Saved entries:
= Beginning of Section =
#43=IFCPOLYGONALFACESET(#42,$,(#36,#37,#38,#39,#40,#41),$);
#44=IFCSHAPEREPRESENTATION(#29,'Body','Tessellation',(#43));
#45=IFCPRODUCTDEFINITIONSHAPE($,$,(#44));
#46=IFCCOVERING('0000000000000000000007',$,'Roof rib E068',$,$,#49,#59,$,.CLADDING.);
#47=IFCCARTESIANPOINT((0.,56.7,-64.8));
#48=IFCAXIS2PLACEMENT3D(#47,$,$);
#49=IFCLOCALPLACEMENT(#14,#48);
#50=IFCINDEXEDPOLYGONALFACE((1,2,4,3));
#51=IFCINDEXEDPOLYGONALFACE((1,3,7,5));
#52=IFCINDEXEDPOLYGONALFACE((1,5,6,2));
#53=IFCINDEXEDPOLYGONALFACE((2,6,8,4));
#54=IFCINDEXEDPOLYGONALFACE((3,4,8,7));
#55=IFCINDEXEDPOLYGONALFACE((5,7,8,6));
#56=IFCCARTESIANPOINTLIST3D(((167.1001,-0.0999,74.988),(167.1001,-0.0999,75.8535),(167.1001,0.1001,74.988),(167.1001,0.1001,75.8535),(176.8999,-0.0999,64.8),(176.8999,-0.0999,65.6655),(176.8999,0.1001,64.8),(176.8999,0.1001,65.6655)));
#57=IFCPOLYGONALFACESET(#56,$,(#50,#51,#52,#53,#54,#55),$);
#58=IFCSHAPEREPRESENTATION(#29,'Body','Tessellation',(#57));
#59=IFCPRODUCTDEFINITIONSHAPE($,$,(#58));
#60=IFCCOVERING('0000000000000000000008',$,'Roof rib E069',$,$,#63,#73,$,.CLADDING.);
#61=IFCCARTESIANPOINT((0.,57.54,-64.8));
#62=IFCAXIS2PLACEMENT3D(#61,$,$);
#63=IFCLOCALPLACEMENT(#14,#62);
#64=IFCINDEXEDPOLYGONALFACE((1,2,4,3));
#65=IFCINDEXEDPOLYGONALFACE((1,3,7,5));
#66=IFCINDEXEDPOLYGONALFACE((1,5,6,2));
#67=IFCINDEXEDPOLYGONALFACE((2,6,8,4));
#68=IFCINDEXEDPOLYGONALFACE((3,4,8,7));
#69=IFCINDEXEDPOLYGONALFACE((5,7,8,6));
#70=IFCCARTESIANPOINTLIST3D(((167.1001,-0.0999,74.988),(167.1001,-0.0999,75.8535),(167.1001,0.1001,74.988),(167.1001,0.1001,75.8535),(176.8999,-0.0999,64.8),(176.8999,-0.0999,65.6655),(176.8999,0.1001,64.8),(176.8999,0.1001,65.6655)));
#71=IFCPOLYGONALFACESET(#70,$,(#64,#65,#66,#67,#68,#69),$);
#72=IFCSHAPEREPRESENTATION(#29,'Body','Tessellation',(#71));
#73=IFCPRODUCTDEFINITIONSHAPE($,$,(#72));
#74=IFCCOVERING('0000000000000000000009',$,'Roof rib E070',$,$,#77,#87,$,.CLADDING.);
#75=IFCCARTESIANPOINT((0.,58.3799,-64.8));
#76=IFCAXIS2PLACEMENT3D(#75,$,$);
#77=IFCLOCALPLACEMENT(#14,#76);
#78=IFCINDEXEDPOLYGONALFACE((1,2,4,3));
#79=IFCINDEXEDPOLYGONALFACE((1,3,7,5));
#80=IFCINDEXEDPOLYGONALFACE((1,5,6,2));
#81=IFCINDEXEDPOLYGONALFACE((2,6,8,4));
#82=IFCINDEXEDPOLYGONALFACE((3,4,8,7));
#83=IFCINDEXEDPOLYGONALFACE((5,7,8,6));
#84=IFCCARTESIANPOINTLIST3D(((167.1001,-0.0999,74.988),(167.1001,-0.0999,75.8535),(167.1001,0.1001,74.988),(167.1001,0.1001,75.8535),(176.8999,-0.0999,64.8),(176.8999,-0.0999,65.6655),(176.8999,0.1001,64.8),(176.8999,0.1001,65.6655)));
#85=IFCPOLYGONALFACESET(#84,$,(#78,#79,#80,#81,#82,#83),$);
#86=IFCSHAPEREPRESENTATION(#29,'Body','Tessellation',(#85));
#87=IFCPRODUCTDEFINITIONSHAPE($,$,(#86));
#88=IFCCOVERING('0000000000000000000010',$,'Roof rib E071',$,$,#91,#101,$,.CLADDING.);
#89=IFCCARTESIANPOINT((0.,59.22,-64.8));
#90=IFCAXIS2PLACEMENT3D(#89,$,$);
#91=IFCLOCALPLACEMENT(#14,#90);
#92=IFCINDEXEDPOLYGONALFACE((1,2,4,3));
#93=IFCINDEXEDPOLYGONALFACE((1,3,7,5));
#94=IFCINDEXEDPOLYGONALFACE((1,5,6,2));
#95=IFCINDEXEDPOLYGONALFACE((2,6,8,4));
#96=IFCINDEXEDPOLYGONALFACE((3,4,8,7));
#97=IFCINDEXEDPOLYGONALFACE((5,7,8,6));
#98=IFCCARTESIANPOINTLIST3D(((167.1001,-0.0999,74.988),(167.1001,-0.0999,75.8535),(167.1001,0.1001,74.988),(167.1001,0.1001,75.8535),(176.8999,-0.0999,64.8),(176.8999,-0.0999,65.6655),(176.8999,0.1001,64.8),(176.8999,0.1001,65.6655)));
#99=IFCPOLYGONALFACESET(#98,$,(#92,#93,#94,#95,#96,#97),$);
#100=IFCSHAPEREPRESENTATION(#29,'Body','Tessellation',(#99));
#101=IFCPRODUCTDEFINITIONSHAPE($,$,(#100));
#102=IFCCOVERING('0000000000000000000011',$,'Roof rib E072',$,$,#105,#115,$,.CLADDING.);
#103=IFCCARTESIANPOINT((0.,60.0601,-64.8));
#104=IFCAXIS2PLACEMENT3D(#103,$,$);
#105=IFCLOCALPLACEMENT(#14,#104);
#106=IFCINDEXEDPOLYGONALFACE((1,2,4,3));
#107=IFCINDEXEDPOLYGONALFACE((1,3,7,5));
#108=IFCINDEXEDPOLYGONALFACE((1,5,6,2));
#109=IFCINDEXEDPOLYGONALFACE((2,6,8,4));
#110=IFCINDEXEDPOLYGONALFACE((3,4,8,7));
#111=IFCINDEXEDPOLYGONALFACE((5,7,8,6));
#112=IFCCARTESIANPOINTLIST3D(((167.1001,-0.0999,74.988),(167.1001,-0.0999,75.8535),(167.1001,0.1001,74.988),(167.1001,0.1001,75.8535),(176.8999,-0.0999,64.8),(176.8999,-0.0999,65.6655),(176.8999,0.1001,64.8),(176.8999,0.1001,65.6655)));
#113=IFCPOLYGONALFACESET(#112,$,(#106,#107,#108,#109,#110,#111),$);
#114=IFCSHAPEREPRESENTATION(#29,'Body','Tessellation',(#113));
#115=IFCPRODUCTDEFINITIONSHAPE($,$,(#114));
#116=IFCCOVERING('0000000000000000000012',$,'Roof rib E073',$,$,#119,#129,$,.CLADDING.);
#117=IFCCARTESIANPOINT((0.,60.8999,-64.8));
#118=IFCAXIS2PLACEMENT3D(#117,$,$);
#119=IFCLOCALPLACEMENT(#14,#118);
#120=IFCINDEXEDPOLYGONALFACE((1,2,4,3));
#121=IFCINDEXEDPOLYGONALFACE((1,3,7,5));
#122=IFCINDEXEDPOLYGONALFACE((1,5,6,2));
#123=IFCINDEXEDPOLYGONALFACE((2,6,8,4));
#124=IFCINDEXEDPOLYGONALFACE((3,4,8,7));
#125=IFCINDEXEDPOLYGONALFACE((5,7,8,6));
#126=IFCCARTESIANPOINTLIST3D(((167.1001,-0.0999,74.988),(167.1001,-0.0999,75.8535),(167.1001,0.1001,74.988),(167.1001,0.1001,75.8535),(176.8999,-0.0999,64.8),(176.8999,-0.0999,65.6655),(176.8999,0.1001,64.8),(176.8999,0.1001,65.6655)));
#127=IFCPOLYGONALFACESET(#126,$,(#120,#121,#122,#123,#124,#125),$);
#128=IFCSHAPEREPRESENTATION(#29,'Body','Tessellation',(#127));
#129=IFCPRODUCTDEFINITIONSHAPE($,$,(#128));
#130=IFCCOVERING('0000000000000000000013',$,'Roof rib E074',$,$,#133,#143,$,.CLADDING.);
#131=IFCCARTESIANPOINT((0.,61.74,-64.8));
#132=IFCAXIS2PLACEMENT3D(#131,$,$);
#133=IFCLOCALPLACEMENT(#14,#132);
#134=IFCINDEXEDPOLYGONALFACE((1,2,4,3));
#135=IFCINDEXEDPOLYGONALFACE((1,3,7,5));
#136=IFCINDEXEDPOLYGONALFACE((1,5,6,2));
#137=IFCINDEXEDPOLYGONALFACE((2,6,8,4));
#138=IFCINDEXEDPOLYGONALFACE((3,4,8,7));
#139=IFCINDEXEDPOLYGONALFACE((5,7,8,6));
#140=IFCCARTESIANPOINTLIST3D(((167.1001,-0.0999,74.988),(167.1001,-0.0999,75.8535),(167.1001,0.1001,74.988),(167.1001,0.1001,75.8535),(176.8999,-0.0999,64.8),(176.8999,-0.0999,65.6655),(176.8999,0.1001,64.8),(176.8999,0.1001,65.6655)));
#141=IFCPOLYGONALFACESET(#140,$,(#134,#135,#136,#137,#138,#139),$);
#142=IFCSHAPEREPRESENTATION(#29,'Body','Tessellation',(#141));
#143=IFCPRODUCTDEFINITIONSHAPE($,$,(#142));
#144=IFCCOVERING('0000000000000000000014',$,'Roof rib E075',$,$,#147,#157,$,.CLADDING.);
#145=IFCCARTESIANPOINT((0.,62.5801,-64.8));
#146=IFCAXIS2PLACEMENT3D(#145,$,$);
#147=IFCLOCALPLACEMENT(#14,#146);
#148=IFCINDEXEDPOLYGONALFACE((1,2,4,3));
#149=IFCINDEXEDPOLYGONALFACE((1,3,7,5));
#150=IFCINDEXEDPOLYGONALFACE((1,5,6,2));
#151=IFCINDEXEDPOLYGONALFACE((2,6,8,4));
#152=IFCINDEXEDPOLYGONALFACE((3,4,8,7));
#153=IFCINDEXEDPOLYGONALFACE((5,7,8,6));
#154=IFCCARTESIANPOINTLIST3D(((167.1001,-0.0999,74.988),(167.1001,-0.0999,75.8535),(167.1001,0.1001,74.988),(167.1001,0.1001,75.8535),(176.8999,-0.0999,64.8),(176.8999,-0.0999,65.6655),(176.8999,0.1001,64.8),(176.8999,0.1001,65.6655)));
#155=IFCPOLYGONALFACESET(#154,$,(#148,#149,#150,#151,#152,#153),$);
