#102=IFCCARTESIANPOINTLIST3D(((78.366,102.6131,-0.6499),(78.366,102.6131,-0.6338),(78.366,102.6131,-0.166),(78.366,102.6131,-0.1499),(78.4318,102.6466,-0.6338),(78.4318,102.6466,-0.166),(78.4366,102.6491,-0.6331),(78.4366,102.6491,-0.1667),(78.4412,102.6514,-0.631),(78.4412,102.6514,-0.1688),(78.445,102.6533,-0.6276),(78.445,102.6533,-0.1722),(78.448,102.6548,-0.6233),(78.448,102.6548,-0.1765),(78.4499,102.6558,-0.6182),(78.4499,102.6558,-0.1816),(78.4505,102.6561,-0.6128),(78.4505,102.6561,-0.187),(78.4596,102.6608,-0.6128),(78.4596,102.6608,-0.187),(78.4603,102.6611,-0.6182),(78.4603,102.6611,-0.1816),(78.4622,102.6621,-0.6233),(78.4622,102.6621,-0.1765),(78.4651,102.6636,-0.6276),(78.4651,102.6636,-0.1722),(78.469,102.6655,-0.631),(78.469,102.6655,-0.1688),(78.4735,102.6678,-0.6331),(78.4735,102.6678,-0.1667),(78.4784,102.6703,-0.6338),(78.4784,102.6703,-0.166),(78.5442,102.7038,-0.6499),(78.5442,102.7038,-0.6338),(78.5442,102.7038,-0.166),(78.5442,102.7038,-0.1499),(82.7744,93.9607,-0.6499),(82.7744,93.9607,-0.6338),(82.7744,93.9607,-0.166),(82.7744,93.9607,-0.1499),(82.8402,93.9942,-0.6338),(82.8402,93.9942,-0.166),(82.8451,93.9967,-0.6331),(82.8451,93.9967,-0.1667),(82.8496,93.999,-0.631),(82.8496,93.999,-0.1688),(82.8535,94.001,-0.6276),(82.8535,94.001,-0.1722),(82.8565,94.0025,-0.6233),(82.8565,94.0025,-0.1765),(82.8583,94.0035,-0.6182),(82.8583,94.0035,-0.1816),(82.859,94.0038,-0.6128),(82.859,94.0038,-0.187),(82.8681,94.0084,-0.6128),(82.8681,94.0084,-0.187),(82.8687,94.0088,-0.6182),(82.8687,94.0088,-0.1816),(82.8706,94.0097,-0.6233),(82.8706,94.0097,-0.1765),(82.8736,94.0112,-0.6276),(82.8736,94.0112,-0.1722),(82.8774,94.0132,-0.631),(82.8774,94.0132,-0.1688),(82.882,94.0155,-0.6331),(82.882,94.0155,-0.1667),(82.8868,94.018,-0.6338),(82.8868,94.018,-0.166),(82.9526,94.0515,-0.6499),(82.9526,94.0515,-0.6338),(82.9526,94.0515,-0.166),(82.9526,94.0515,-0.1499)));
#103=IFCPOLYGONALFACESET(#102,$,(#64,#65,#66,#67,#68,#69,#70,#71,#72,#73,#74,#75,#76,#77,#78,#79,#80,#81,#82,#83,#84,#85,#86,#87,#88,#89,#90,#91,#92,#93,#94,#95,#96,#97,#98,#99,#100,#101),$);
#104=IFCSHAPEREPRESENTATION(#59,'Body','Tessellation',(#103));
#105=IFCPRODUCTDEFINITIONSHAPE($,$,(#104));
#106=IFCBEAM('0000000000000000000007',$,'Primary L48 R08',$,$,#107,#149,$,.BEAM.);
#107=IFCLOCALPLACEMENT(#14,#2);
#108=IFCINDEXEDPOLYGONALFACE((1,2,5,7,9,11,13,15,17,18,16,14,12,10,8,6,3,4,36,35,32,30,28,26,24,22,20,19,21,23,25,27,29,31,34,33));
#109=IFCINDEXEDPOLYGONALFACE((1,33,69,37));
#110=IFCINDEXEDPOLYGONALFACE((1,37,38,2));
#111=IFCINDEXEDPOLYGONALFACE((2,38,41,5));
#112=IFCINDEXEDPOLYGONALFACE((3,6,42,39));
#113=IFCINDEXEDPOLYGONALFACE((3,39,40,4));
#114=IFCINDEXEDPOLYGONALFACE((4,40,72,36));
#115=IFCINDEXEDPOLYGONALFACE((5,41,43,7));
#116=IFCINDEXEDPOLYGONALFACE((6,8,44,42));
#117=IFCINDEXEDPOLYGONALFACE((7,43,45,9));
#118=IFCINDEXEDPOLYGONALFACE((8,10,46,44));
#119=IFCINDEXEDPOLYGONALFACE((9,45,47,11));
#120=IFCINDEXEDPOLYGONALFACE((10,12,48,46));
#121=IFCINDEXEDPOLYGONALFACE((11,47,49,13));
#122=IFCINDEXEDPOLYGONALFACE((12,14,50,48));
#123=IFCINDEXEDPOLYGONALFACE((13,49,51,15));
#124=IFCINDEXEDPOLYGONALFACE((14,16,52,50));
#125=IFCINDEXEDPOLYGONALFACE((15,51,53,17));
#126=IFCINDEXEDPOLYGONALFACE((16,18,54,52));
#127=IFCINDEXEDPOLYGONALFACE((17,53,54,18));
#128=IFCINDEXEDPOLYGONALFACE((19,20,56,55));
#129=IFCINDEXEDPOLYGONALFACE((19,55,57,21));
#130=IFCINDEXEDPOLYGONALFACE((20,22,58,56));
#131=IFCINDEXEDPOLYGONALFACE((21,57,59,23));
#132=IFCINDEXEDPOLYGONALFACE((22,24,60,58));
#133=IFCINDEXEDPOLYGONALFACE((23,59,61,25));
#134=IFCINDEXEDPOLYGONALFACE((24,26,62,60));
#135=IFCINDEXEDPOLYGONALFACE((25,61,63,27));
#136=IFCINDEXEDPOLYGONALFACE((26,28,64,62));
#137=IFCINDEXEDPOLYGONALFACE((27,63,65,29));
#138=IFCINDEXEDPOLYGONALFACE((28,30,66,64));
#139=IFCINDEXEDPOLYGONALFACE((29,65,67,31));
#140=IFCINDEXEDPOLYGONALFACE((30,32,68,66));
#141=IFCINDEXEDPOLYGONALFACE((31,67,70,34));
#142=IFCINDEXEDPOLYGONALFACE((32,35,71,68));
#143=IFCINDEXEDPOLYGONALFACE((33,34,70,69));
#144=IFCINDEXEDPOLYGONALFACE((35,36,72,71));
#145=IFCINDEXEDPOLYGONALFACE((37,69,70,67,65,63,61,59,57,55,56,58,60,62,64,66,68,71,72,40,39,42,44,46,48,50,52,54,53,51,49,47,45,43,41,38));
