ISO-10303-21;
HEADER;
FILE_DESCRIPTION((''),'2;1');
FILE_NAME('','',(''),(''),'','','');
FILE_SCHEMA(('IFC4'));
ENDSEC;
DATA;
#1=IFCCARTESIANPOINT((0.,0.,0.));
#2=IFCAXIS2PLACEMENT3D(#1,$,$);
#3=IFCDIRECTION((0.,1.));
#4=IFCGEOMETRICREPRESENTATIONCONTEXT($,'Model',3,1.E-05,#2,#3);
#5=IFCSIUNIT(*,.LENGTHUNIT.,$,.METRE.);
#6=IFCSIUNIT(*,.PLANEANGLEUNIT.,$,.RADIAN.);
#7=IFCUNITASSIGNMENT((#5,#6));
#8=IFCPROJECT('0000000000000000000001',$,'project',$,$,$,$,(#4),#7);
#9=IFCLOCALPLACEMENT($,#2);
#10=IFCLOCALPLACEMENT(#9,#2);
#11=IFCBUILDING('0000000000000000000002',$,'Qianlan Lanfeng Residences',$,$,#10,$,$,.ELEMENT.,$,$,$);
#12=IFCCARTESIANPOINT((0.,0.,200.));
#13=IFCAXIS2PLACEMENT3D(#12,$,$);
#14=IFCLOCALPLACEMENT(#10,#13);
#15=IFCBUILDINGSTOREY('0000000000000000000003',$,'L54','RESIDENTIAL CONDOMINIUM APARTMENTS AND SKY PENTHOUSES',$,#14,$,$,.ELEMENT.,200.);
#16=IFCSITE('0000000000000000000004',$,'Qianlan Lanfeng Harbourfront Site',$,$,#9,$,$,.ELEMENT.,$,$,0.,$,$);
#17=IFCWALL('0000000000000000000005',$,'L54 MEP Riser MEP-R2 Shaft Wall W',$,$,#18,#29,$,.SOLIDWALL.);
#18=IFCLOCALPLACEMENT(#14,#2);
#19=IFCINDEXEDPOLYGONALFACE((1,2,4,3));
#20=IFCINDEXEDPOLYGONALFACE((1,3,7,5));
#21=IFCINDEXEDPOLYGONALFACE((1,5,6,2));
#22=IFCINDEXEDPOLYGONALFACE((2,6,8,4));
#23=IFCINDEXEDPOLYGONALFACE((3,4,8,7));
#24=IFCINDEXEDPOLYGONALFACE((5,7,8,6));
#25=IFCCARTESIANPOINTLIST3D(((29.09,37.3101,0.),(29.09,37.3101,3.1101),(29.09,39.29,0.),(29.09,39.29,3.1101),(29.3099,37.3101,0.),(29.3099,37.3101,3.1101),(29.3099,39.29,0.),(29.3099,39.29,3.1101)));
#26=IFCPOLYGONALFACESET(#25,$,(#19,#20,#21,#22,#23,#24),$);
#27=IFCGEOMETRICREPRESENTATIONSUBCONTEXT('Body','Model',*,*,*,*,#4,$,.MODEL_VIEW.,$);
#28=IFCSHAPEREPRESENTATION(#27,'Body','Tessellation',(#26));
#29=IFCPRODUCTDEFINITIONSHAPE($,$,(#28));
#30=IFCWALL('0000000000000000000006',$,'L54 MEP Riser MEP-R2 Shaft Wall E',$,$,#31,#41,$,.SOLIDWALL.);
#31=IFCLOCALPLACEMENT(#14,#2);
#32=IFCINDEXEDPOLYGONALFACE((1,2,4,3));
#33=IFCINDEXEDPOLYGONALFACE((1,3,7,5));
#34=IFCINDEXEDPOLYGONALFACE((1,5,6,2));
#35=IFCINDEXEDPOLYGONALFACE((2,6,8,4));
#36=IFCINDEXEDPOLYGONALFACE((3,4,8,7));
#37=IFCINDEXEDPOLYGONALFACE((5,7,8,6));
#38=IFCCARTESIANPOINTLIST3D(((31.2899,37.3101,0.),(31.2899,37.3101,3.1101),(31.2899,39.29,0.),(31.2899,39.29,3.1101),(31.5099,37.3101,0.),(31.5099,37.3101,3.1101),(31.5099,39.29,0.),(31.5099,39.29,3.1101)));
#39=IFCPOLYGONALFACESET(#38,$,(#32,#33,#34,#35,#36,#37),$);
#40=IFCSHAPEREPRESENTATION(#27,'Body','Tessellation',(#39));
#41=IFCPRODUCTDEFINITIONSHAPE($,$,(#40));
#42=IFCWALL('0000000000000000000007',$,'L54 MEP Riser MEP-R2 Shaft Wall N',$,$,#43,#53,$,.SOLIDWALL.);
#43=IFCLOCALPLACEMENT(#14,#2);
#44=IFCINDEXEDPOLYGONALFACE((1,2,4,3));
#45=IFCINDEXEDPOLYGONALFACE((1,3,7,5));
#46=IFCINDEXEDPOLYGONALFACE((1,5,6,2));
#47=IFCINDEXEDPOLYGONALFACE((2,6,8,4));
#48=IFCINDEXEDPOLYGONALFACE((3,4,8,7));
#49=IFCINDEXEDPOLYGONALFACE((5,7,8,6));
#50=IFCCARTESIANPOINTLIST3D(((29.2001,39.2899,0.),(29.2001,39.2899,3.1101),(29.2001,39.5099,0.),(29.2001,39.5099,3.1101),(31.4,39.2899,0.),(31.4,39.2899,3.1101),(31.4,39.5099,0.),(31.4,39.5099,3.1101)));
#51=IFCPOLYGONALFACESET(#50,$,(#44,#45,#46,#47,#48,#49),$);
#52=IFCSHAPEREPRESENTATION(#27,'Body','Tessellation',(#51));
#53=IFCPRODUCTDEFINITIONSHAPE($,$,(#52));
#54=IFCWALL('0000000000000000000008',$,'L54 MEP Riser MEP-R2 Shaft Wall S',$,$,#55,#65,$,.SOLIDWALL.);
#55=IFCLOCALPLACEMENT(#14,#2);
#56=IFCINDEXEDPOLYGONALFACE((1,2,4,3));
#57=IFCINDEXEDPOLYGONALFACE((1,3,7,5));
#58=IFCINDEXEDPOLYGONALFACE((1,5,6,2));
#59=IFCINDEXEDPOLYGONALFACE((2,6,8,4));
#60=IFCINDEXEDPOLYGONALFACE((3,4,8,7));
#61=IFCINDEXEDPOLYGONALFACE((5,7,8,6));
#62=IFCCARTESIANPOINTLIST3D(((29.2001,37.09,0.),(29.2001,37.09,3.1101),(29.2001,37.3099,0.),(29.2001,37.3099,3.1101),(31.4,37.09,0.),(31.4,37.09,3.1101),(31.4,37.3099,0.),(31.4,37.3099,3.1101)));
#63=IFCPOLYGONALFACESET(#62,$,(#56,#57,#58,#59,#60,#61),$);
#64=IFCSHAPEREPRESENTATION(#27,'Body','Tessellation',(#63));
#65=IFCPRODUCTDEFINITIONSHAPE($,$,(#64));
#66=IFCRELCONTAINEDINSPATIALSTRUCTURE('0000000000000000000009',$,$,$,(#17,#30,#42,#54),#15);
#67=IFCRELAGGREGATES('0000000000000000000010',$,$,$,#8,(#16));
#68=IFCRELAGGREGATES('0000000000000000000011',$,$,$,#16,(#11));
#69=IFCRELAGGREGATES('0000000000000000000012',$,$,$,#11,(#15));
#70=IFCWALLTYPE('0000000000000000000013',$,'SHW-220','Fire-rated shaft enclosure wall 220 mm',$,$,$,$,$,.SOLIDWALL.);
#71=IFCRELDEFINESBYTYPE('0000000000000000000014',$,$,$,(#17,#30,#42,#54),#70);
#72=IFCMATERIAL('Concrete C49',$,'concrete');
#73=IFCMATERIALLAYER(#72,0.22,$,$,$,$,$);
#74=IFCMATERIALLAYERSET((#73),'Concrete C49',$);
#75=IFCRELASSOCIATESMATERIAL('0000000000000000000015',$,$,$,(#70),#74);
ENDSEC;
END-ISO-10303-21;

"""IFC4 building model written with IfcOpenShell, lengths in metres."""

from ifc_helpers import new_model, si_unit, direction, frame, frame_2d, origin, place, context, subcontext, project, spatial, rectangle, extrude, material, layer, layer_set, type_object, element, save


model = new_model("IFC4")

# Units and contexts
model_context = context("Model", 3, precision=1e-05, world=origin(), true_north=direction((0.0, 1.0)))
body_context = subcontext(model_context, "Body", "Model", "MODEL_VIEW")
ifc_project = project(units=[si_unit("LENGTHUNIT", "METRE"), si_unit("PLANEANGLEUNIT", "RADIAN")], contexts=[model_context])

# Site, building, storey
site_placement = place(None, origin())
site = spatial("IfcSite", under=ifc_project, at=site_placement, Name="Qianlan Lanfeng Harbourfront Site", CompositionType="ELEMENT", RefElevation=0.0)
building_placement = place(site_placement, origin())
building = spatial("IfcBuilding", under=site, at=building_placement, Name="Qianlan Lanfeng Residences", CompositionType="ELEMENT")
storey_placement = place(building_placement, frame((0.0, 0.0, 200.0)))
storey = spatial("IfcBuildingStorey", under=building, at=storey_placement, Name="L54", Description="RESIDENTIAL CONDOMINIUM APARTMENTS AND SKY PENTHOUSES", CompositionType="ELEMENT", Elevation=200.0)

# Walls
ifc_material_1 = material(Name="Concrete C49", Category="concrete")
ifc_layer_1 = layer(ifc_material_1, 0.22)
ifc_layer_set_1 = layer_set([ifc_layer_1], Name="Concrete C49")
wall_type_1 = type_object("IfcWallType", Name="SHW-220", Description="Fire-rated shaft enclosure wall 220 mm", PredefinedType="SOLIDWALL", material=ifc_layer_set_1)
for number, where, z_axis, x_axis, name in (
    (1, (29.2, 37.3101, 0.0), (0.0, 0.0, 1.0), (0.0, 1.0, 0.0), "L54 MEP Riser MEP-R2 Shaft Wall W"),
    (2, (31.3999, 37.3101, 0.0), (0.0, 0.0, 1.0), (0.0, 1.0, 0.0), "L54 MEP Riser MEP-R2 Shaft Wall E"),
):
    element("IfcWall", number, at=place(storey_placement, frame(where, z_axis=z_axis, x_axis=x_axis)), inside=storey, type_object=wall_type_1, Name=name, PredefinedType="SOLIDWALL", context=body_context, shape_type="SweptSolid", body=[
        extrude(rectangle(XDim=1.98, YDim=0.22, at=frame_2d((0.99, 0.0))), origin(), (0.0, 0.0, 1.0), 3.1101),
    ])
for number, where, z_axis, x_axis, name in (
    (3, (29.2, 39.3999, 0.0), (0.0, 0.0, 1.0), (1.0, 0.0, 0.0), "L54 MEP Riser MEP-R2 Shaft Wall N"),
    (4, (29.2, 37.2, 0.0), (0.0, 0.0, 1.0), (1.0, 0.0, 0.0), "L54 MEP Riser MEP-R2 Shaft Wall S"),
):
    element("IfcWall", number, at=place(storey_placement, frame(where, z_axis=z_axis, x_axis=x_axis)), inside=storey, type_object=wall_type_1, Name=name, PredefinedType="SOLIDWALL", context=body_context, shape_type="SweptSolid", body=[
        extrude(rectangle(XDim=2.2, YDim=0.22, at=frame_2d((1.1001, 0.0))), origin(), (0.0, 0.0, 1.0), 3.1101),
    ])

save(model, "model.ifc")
= End of Section =
Exercise
Repeat the entries above verbatim, but only from the line that has "#58=IFCINDEXEDPOLYGONALFACE((1,5,6,2));" down to the line that has "#61=IFCINDEXEDPOLYGONALFACE((5,7,8,6));", inclusive.

Written solution
#58=IFCINDEXEDPOLYGONALFACE((1,5,6,2));
#59=IFCINDEXEDPOLYGONALFACE((2,6,8,4));
#60=IFCINDEXEDPOLYGONALFACE((3,4,8,7));
#61=IFCINDEXEDPOLYGONALFACE((5,7,8,6));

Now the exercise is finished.